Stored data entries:

-=-=-=-=-

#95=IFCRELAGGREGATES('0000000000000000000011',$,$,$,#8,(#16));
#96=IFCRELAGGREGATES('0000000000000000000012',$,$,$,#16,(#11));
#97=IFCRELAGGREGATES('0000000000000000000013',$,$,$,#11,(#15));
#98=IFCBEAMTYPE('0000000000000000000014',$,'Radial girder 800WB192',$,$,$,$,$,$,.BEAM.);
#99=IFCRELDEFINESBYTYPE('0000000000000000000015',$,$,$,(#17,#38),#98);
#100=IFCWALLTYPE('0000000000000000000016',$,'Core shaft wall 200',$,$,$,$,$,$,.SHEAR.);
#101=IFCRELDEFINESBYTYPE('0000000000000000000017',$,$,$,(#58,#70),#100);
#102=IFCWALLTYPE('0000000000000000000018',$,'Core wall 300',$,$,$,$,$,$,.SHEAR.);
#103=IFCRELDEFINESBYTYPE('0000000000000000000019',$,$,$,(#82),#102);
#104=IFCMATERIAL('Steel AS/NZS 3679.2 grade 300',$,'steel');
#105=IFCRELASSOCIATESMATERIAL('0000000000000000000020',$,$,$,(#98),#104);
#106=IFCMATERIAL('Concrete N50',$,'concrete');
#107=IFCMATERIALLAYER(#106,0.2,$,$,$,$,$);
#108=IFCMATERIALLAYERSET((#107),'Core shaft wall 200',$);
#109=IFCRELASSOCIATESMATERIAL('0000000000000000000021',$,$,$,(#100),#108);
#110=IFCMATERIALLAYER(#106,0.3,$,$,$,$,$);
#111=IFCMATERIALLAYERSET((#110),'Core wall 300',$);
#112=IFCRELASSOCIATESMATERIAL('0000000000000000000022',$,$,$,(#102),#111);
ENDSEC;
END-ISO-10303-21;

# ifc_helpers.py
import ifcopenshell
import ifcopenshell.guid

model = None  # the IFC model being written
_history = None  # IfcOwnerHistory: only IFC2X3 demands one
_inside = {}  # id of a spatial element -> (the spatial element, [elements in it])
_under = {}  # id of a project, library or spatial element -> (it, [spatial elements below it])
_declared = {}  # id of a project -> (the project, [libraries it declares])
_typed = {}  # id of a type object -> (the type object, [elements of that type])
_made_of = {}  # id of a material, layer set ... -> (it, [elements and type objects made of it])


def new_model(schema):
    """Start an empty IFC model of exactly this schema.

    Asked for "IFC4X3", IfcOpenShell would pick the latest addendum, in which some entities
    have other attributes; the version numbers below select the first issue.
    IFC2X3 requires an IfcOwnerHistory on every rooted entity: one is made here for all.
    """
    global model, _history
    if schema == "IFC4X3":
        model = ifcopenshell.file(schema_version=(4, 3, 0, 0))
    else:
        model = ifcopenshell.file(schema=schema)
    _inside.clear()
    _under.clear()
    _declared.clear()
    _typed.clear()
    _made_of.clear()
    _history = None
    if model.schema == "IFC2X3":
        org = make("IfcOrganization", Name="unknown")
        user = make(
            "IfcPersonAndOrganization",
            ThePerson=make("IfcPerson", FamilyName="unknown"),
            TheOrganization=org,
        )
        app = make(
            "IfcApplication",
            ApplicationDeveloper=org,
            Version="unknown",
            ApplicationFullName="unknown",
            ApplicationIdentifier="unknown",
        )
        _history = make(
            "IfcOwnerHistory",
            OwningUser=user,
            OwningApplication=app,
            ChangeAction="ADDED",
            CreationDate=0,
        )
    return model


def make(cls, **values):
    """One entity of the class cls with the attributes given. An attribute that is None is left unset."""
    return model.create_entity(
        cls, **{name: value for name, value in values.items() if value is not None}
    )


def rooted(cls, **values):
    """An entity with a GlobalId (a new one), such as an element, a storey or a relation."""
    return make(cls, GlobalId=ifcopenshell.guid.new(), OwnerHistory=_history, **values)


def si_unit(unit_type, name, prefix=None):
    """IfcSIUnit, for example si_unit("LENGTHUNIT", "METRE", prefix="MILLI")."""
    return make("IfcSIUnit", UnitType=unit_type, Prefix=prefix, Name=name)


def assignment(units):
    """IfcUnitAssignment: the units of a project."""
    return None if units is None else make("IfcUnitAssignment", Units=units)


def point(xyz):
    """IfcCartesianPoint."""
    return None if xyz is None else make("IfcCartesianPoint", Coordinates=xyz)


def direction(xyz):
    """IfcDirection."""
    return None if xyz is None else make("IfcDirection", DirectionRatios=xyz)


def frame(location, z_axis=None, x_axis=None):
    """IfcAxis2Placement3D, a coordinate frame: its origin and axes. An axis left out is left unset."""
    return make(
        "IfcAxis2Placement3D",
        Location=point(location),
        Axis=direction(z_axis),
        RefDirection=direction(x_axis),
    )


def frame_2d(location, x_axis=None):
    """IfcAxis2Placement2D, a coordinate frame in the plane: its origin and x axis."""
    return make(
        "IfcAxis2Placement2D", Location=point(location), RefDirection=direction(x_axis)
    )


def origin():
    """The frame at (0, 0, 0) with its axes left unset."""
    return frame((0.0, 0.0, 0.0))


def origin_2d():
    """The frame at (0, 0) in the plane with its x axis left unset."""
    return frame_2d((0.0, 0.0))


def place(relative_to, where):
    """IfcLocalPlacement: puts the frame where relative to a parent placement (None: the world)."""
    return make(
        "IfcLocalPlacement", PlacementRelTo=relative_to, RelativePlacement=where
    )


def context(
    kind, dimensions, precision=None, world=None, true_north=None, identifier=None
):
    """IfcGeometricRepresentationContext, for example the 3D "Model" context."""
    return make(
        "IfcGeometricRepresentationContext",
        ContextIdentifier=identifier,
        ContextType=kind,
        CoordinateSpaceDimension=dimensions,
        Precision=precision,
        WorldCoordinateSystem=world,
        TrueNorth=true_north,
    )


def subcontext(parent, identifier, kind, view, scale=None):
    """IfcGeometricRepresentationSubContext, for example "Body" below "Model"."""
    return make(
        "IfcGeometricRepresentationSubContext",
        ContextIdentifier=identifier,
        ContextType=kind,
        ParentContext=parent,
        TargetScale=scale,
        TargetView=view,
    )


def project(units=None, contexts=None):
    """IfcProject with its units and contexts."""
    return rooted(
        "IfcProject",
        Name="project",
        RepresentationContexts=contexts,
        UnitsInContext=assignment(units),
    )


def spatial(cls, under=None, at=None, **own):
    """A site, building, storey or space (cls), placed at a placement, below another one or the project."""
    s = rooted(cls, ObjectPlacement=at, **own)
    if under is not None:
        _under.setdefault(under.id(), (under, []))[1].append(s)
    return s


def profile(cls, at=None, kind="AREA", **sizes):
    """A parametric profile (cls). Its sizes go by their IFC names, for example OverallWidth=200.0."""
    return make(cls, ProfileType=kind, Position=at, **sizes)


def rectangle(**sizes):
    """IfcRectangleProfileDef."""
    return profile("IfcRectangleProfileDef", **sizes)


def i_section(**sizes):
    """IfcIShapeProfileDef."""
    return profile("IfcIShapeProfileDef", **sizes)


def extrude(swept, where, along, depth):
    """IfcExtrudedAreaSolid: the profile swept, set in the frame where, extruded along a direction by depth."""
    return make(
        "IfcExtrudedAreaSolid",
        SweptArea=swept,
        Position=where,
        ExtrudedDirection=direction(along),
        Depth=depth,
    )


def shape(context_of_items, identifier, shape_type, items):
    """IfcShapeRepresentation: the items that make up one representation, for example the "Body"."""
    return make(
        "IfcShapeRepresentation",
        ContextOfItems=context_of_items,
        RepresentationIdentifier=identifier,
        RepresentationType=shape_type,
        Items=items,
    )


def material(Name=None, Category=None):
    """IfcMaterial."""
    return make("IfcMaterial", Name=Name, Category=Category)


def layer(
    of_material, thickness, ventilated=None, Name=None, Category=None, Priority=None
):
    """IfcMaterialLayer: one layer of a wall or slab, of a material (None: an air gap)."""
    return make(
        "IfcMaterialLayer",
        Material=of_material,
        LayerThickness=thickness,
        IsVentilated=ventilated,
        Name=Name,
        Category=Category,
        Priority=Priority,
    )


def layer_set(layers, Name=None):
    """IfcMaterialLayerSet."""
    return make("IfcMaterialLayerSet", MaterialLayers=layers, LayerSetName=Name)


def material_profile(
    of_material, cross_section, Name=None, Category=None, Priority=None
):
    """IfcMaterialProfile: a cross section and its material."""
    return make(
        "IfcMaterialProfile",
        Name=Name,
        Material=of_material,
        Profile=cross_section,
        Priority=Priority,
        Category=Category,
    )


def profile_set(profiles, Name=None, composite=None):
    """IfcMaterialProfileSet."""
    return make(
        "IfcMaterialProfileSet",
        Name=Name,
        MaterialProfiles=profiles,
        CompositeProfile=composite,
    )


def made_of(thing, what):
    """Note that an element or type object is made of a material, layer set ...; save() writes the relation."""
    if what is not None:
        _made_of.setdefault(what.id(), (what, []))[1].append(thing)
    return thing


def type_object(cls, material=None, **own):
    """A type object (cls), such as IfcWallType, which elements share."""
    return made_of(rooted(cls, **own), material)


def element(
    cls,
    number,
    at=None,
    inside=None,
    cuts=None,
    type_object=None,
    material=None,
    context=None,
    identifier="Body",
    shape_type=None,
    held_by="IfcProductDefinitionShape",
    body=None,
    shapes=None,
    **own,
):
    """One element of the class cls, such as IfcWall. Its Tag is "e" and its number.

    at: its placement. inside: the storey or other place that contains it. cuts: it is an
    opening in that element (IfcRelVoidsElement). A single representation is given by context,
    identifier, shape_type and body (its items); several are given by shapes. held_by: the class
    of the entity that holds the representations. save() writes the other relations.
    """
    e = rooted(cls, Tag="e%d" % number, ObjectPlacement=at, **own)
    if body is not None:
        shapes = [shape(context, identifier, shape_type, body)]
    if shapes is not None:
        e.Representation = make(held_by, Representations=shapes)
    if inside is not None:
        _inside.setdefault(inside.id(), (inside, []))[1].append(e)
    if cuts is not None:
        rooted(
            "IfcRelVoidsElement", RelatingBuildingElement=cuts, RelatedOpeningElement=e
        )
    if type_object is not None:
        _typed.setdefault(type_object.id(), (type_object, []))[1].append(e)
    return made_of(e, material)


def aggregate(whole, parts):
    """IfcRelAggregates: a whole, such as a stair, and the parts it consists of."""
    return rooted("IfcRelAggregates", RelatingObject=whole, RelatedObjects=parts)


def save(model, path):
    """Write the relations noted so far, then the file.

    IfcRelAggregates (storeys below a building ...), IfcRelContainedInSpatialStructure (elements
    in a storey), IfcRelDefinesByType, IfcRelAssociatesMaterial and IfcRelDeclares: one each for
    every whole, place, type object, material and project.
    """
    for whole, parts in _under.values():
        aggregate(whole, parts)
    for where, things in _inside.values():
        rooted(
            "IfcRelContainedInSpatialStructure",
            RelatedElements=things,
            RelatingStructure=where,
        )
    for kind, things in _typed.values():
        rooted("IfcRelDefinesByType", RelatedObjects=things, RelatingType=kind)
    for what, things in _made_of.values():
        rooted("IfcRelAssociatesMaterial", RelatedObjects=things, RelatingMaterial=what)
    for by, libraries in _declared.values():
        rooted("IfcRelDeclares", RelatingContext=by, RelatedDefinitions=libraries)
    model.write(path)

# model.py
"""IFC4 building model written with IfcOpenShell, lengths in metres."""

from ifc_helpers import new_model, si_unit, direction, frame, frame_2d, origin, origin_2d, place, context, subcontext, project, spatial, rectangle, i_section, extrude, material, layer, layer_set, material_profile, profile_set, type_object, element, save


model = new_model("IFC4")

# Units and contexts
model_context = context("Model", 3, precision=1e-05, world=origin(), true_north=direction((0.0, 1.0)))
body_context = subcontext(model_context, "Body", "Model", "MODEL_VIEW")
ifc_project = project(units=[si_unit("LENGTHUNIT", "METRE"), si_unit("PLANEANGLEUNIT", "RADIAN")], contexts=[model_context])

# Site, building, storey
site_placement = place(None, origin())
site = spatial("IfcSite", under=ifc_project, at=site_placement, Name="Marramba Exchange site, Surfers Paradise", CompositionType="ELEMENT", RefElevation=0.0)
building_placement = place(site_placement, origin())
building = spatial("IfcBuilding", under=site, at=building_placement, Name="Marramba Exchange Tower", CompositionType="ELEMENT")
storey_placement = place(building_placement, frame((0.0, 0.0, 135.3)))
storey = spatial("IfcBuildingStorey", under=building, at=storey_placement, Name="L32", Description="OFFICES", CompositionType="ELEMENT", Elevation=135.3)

-=-=-=-=-

Task item: Scan the data above and copy every line with "IfcGeometricRepresentationSubContext" in it.

Result of this task:
    """IfcGeometricRepresentationSubContext, for example "Body" below "Model"."""
        "IfcGeometricRepresentationSubContext",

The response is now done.